Stored items
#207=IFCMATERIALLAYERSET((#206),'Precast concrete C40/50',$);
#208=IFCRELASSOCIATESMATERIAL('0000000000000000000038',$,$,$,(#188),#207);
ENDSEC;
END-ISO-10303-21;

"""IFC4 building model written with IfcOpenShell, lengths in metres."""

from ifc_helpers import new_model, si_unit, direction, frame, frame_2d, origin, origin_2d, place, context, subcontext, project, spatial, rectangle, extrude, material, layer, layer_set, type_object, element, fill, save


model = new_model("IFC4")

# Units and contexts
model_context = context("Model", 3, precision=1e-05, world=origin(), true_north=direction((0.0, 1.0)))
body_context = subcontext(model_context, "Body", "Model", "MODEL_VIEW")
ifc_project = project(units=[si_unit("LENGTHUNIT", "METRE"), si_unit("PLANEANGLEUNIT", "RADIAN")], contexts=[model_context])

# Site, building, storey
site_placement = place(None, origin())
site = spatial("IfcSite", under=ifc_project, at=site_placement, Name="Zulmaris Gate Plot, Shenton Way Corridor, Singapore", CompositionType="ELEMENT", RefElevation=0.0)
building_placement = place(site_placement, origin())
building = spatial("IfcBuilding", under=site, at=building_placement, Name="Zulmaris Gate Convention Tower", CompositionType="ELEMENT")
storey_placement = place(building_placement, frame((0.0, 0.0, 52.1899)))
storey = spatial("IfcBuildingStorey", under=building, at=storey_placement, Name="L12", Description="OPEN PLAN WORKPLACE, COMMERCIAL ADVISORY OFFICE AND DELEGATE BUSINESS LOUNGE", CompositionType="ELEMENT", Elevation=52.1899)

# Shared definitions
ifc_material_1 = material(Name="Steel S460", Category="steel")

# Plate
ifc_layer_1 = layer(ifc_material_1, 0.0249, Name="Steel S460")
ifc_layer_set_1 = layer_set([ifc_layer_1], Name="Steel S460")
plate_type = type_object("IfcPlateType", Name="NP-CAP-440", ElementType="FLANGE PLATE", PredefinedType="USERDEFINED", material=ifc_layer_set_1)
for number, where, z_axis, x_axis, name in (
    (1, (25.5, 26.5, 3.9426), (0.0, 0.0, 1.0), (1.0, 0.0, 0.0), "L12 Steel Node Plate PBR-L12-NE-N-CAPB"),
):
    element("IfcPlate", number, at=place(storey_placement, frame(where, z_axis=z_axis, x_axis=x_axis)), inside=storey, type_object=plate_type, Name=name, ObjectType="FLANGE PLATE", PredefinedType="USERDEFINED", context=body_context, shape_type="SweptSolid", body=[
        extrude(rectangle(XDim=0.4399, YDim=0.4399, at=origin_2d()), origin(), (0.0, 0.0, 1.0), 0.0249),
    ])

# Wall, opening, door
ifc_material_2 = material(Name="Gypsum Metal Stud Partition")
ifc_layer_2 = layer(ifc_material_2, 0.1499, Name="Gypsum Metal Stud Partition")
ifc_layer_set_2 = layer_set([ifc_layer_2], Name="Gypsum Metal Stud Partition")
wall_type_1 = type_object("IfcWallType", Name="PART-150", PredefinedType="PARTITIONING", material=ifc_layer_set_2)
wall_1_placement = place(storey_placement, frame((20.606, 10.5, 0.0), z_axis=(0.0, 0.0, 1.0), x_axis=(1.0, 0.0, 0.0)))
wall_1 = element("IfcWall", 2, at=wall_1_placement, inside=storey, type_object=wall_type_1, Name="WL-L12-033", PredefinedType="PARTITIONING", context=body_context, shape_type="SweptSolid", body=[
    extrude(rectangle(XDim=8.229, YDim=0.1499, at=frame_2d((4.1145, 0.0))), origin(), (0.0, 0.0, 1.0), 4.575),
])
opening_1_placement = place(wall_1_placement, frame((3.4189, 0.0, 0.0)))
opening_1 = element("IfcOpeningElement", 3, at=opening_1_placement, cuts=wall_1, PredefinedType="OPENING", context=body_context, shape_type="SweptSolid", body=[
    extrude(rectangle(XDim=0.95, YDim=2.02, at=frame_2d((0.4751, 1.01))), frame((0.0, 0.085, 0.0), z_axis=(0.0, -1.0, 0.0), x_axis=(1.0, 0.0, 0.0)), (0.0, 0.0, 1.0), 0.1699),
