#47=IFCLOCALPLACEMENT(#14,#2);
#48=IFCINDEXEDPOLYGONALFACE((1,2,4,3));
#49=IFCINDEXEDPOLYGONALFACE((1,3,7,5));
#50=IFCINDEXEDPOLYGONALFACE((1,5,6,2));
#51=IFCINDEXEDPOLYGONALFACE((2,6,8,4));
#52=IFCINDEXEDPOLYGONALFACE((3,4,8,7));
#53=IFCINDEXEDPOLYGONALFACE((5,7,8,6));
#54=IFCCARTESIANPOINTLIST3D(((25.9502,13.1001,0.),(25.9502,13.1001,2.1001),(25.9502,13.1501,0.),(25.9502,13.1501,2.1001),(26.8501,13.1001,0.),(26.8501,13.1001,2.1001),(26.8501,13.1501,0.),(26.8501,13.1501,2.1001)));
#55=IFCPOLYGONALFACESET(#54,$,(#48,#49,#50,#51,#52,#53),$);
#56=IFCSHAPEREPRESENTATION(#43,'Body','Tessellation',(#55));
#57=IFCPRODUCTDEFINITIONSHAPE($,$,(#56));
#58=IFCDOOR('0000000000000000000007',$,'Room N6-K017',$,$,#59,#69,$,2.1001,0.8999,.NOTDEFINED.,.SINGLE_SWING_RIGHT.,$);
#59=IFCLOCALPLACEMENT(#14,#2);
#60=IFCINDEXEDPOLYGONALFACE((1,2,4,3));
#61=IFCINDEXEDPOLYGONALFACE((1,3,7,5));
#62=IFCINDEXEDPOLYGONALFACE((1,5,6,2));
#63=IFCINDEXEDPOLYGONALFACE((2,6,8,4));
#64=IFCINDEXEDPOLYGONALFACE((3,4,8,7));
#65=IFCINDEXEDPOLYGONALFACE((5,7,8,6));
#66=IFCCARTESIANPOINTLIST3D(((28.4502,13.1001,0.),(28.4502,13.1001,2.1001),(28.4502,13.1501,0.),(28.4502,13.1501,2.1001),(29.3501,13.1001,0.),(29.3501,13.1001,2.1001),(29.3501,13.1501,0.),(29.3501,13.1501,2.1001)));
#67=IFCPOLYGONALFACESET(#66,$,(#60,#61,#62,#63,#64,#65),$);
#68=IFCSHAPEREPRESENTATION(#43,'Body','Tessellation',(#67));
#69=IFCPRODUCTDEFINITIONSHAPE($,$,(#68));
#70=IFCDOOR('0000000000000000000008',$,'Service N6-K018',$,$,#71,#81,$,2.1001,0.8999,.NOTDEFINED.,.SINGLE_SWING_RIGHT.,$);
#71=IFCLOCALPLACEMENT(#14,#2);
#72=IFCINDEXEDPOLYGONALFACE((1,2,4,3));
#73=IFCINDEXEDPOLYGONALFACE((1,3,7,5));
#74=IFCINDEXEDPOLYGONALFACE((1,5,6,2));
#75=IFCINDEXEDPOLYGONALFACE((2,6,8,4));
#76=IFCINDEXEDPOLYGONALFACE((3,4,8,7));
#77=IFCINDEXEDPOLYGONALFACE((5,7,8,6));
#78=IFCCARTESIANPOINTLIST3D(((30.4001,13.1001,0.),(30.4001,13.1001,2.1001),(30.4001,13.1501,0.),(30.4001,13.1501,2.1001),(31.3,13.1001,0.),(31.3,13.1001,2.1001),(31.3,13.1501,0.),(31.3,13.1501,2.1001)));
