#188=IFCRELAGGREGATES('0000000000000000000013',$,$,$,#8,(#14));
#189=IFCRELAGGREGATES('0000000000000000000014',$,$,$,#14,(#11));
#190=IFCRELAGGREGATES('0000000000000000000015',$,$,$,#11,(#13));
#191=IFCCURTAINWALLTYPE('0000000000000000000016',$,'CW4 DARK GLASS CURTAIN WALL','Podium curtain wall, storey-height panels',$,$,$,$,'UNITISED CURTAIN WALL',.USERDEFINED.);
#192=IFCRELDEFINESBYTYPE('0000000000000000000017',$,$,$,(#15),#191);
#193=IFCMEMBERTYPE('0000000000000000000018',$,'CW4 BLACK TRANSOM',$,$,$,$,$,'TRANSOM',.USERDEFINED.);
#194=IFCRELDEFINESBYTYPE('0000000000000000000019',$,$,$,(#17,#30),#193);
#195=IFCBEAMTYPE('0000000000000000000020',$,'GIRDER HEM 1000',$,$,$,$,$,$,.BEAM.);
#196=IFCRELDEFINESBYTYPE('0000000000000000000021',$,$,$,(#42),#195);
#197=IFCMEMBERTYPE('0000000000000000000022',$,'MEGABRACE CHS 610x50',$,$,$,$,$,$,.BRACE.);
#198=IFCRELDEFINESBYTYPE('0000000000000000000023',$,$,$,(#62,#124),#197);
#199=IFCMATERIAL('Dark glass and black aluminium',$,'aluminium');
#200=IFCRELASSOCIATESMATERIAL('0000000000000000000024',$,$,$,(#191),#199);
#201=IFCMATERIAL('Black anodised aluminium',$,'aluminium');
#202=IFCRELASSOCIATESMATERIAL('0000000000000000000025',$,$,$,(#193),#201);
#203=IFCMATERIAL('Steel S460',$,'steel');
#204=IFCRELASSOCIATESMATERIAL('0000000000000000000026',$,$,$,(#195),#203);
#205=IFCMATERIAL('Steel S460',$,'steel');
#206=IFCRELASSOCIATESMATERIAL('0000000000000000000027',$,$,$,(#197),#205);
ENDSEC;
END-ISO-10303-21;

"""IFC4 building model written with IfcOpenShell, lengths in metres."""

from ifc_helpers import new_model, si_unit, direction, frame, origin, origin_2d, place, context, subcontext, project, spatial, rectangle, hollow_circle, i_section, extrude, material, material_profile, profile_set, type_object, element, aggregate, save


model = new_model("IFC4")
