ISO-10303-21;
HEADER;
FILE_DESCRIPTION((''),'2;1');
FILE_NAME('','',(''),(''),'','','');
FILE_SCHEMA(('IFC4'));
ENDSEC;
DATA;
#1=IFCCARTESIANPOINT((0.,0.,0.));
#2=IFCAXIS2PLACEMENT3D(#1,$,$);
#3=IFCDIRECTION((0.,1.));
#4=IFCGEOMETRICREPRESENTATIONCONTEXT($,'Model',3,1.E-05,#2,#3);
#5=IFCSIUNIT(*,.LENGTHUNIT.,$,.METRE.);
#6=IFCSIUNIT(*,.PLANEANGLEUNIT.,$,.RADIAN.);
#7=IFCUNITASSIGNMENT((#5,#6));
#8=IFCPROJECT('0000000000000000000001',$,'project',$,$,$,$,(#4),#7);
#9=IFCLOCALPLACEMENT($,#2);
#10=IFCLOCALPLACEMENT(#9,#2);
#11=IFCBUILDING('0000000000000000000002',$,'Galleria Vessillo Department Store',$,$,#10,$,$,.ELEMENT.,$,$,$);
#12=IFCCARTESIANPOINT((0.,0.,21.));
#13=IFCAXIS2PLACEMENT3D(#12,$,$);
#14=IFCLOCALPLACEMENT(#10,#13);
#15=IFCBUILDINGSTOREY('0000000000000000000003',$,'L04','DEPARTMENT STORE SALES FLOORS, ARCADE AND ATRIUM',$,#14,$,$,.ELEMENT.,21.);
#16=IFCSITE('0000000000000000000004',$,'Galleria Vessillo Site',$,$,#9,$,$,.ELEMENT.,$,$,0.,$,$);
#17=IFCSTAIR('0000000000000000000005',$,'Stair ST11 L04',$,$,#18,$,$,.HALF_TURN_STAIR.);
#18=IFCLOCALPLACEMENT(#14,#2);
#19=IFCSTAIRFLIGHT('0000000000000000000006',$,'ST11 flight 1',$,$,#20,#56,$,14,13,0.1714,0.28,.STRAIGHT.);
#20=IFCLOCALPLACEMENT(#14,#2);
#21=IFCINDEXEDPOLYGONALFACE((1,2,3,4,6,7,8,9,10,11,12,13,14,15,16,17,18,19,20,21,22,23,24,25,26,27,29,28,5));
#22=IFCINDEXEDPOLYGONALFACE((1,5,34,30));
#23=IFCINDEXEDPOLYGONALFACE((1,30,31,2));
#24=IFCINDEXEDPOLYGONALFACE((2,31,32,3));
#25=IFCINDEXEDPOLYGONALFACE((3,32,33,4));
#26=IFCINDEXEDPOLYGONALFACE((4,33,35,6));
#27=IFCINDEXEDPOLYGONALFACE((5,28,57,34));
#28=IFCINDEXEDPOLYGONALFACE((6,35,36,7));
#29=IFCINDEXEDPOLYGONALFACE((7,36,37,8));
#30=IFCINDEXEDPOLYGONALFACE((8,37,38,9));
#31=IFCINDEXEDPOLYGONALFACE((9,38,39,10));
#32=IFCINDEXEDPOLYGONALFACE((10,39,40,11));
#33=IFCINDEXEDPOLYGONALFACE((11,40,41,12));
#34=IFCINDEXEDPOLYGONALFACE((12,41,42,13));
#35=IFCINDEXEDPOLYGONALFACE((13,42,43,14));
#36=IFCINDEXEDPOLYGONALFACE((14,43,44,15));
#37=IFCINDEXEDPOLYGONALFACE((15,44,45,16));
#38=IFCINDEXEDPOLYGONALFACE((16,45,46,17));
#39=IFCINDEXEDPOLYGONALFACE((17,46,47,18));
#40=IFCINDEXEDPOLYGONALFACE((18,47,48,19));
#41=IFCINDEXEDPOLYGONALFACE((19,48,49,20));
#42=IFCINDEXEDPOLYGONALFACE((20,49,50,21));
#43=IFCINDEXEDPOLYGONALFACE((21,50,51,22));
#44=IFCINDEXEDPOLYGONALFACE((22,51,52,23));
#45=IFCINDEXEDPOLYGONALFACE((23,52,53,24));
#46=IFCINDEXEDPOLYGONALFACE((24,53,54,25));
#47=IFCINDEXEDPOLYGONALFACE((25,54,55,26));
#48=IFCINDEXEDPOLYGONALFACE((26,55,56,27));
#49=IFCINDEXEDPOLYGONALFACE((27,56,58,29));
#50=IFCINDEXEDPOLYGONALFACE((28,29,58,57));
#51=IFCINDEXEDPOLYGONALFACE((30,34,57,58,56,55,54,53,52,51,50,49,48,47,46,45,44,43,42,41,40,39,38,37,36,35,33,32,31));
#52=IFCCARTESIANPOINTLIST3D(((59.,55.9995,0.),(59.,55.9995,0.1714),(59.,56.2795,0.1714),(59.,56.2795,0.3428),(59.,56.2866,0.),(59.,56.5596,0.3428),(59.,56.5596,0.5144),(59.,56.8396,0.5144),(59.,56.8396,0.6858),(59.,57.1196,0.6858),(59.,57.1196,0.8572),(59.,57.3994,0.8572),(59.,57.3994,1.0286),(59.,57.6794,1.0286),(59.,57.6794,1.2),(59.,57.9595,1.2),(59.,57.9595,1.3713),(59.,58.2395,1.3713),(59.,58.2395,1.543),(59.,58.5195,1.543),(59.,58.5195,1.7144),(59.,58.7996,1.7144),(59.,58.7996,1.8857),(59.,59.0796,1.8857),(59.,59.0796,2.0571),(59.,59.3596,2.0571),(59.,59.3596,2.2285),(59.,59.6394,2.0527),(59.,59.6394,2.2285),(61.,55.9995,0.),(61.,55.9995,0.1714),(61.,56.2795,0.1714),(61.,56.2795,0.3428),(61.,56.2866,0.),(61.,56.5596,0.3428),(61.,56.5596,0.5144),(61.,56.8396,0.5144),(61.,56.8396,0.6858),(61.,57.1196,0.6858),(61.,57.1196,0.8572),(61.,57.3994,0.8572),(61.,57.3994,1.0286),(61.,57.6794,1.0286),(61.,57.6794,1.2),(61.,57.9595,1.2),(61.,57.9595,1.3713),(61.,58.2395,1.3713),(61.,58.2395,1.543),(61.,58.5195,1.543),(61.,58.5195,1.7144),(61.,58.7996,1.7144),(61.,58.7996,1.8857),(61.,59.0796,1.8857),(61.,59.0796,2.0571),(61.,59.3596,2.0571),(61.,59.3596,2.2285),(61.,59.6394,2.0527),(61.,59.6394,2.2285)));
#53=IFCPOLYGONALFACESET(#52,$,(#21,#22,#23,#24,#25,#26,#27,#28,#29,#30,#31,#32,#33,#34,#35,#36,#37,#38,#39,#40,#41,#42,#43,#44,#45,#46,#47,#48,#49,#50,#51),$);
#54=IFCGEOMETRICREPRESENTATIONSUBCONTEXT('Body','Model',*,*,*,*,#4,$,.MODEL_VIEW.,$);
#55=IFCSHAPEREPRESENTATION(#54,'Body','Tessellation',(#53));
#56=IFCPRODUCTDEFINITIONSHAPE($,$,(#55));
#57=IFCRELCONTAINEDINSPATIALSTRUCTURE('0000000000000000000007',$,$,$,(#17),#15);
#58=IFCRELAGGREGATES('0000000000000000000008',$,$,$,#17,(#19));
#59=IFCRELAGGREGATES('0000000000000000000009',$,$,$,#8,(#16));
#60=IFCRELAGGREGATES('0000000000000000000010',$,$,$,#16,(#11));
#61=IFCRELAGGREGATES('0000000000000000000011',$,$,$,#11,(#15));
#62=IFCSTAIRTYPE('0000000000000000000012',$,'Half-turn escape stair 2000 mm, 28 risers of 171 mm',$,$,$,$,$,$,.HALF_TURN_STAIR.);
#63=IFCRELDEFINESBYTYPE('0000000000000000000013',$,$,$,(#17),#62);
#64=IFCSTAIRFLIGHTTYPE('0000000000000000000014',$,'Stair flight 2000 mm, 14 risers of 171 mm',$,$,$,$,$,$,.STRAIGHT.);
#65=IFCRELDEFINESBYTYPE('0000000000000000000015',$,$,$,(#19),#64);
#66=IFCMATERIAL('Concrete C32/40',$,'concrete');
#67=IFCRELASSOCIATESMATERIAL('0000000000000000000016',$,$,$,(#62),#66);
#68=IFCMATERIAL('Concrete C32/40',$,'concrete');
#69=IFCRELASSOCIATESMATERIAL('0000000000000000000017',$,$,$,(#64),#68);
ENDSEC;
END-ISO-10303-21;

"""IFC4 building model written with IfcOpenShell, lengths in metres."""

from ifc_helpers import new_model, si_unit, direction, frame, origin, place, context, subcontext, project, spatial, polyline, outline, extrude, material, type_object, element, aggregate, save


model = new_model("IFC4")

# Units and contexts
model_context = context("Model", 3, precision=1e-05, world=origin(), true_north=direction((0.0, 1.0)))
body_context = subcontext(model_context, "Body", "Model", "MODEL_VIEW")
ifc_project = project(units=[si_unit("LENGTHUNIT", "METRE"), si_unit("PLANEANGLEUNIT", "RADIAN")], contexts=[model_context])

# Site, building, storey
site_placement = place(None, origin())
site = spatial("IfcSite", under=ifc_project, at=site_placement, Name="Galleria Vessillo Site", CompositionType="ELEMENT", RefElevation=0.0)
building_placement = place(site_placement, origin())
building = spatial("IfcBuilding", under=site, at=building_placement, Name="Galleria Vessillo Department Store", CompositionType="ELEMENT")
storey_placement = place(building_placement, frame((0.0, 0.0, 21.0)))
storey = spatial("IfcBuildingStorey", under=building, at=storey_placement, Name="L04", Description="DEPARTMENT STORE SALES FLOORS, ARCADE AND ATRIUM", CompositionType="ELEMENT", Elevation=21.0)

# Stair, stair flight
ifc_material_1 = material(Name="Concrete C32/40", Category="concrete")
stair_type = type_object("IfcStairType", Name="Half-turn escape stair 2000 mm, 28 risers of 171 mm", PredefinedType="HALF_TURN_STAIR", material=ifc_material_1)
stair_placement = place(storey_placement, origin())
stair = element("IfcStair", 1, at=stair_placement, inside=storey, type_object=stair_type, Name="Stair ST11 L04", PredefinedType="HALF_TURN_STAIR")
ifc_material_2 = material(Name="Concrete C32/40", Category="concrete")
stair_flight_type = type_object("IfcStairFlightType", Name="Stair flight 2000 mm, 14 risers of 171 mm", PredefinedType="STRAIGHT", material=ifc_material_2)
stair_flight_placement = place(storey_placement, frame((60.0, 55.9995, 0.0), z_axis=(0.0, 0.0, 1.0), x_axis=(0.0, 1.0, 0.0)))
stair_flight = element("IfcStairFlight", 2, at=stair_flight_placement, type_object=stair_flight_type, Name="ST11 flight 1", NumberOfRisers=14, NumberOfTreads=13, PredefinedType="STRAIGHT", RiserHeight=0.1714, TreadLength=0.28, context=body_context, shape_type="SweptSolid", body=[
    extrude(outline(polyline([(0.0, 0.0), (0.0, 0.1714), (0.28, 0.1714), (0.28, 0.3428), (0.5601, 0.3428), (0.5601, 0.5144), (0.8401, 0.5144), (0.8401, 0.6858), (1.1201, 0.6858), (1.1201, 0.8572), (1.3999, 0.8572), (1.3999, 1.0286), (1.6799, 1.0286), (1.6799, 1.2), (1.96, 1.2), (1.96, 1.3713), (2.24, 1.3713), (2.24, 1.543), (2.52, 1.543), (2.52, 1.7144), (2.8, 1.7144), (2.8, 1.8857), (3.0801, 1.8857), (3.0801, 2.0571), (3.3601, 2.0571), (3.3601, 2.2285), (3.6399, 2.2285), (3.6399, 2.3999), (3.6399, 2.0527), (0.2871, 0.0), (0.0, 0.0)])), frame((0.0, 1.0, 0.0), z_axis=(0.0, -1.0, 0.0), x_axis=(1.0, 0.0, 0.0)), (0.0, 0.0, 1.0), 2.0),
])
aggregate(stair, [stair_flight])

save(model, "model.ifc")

* [Work instructions] Please give an exact copy of the lines above, beginning with the line containing "#74=IFCINDEXEDPOLYGONALFACE((1,5,6,2));" and running through the line containing "profile_set, type_object, element, aggregate, save", and of no other lines.

* [Answer box]
#74=IFCINDEXEDPOLYGONALFACE((1,5,6,2));
#75=IFCINDEXEDPOLYGONALFACE((2,6,8,4));
#76=IFCINDEXEDPOLYGONALFACE((3,4,8,7));
#77=IFCINDEXEDPOLYGONALFACE((5,7,8,6));
#78=IFCCARTESIANPOINTLIST3D(((30.4001,13.1001,0.),(30.4001,13.1001,2.1001),(30.4001,13.1501,0.),(30.4001,13.1501,2.1001),(31.3,13.1001,0.),(31.3,13.1001,2.1001),(31.3,13.1501,0.),(31.3,13.1501,2.1001)));
#188=IFCRELAGGREGATES('0000000000000000000013',$,$,$,#8,(#14));
#189=IFCRELAGGREGATES('0000000000000000000014',$,$,$,#14,(#11));
#190=IFCRELAGGREGATES('0000000000000000000015',$,$,$,#11,(#13));
#191=IFCCURTAINWALLTYPE('0000000000000000000016',$,'CW4 DARK GLASS CURTAIN WALL','Podium curtain wall, storey-height panels',$,$,$,$,'UNITISED CURTAIN WALL',.USERDEFINED.);
#192=IFCRELDEFINESBYTYPE('0000000000000000000017',$,$,$,(#15),#191);
#193=IFCMEMBERTYPE('0000000000000000000018',$,'CW4 BLACK TRANSOM',$,$,$,$,$,'TRANSOM',.USERDEFINED.);
#194=IFCRELDEFINESBYTYPE('0000000000000000000019',$,$,$,(#17,#30),#193);
#195=IFCBEAMTYPE('0000000000000000000020',$,'GIRDER HEM 1000',$,$,$,$,$,$,.BEAM.);
#196=IFCRELDEFINESBYTYPE('0000000000000000000021',$,$,$,(#42),#195);
#197=IFCMEMBERTYPE('0000000000000000000022',$,'MEGABRACE CHS 610x50',$,$,$,$,$,$,.BRACE.);
#198=IFCRELDEFINESBYTYPE('0000000000000000000023',$,$,$,(#62,#124),#197);
#199=IFCMATERIAL('Dark glass and black aluminium',$,'aluminium');
#200=IFCRELASSOCIATESMATERIAL('0000000000000000000024',$,$,$,(#191),#199);
#201=IFCMATERIAL('Black anodised aluminium',$,'aluminium');
#202=IFCRELASSOCIATESMATERIAL('0000000000000000000025',$,$,$,(#193),#201);
#203=IFCMATERIAL('Steel S460',$,'steel');
#204=IFCRELASSOCIATESMATERIAL('0000000000000000000026',$,$,$,(#195),#203);
#205=IFCMATERIAL('Steel S460',$,'steel');
#206=IFCRELASSOCIATESMATERIAL('0000000000000000000027',$,$,$,(#197),#205);
ENDSEC;
END-ISO-10303-21;

"""IFC4 building model written with IfcOpenShell, lengths in metres."""

from ifc_helpers import new_model, si_unit, direction, frame, origin, origin_2d, place, context, subcontext, project, spatial, rectangle, hollow_circle, i_section, extrude, material, material_profile, profile_set, type_object, element, aggregate, save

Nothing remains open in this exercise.